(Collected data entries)
↓↓↓
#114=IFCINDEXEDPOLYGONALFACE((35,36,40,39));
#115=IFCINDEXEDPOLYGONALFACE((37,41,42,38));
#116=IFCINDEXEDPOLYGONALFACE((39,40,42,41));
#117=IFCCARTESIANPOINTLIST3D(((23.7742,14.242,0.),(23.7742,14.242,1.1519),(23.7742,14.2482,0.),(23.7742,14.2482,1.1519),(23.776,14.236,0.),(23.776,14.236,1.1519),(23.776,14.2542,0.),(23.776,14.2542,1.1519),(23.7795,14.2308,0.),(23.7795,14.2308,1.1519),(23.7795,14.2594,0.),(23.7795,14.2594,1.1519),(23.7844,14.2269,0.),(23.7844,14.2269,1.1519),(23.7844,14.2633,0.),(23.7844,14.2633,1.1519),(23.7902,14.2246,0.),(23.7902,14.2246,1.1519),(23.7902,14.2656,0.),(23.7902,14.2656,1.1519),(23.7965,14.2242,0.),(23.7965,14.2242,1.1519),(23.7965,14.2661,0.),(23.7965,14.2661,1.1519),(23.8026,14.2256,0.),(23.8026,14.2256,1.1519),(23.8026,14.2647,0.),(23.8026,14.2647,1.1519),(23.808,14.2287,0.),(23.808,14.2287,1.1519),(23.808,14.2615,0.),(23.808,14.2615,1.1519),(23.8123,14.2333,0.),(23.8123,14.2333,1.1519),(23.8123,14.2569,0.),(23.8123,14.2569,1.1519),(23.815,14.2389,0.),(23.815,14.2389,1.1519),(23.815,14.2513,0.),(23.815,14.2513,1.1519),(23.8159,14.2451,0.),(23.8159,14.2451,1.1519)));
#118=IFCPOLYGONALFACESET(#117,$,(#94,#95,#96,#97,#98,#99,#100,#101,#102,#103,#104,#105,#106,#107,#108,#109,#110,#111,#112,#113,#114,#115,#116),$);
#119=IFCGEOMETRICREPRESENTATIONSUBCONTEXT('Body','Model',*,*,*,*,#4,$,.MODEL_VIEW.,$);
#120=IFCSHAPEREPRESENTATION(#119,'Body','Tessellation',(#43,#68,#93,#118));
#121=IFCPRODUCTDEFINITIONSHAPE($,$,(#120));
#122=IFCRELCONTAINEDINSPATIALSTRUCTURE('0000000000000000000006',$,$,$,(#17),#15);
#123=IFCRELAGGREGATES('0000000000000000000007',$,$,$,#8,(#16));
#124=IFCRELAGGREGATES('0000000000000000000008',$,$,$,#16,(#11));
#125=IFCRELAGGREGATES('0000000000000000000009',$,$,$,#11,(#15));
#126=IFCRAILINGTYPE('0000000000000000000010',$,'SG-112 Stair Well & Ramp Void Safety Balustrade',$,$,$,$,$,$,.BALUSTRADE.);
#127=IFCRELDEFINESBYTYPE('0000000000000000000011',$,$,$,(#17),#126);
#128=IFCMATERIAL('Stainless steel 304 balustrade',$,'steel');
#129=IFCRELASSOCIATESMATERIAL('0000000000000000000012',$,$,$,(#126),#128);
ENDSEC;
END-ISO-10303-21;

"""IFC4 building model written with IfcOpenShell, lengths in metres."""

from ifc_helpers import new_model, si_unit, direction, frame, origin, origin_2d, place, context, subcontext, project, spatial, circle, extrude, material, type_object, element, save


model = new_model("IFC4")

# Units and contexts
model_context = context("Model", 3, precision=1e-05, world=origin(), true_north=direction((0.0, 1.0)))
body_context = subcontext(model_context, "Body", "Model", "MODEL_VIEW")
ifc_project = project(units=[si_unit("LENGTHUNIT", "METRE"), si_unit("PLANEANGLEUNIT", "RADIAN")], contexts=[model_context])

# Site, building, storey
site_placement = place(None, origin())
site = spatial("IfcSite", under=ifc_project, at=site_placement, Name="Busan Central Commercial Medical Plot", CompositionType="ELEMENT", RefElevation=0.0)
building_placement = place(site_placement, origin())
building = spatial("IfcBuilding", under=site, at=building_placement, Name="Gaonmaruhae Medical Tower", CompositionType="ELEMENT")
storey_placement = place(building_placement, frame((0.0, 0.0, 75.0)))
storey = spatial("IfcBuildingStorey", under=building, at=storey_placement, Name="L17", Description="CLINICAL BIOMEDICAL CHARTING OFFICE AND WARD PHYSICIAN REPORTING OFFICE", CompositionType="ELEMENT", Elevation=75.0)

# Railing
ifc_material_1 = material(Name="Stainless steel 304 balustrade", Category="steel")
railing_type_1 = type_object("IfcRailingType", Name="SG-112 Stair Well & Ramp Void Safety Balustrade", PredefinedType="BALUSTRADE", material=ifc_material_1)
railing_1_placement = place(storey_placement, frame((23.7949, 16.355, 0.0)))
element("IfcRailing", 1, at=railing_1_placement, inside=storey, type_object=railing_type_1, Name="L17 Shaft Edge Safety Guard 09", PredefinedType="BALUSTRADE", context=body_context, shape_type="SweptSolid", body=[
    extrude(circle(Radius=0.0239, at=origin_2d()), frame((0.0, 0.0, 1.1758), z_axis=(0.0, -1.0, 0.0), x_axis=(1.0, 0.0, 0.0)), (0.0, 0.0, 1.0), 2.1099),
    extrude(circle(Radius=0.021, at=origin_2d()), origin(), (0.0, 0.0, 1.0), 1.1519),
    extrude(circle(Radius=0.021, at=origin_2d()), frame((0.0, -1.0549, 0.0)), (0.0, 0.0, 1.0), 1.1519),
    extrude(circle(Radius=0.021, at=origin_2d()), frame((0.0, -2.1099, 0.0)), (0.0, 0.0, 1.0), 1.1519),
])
↑↑↑
### Aim of the task:
For this exercise, output exactly the lines above from the line with "#115=IFCINDEXEDPOLYGONALFACE((37,41,42,38));" to the line with "#125=IFCRELAGGREGATES('0000000000000000000009',$,$,$,#11,(#15));", counting both, and leave out the rest.

### Your solution:
#115=IFCINDEXEDPOLYGONALFACE((37,41,42,38));
#116=IFCINDEXEDPOLYGONALFACE((39,40,42,41));
#117=IFCCARTESIANPOINTLIST3D(((23.7742,14.242,0.),(23.7742,14.242,1.1519),(23.7742,14.2482,0.),(23.7742,14.2482,1.1519),(23.776,14.236,0.),(23.776,14.236,1.1519),(23.776,14.2542,0.),(23.776,14.2542,1.1519),(23.7795,14.2308,0.),(23.7795,14.2308,1.1519),(23.7795,14.2594,0.),(23.7795,14.2594,1.1519),(23.7844,14.2269,0.),(23.7844,14.2269,1.1519),(23.7844,14.2633,0.),(23.7844,14.2633,1.1519),(23.7902,14.2246,0.),(23.7902,14.2246,1.1519),(23.7902,14.2656,0.),(23.7902,14.2656,1.1519),(23.7965,14.2242,0.),(23.7965,14.2242,1.1519),(23.7965,14.2661,0.),(23.7965,14.2661,1.1519),(23.8026,14.2256,0.),(23.8026,14.2256,1.1519),(23.8026,14.2647,0.),(23.8026,14.2647,1.1519),(23.808,14.2287,0.),(23.808,14.2287,1.1519),(23.808,14.2615,0.),(23.808,14.2615,1.1519),(23.8123,14.2333,0.),(23.8123,14.2333,1.1519),(23.8123,14.2569,0.),(23.8123,14.2569,1.1519),(23.815,14.2389,0.),(23.815,14.2389,1.1519),(23.815,14.2513,0.),(23.815,14.2513,1.1519),(23.8159,14.2451,0.),(23.8159,14.2451,1.1519)));
#118=IFCPOLYGONALFACESET(#117,$,(#94,#95,#96,#97,#98,#99,#100,#101,#102,#103,#104,#105,#106,#107,#108,#109,#110,#111,#112,#113,#114,#115,#116),$);
#119=IFCGEOMETRICREPRESENTATIONSUBCONTEXT('Body','Model',*,*,*,*,#4,$,.MODEL_VIEW.,$);
#120=IFCSHAPEREPRESENTATION(#119,'Body','Tessellation',(#43,#68,#93,#118));
#121=IFCPRODUCTDEFINITIONSHAPE($,$,(#120));
#122=IFCRELCONTAINEDINSPATIALSTRUCTURE('0000000000000000000006',$,$,$,(#17),#15);
#123=IFCRELAGGREGATES('0000000000000000000007',$,$,$,#8,(#16));
#124=IFCRELAGGREGATES('0000000000000000000008',$,$,$,#16,(#11));
#125=IFCRELAGGREGATES('0000000000000000000009',$,$,$,#11,(#15));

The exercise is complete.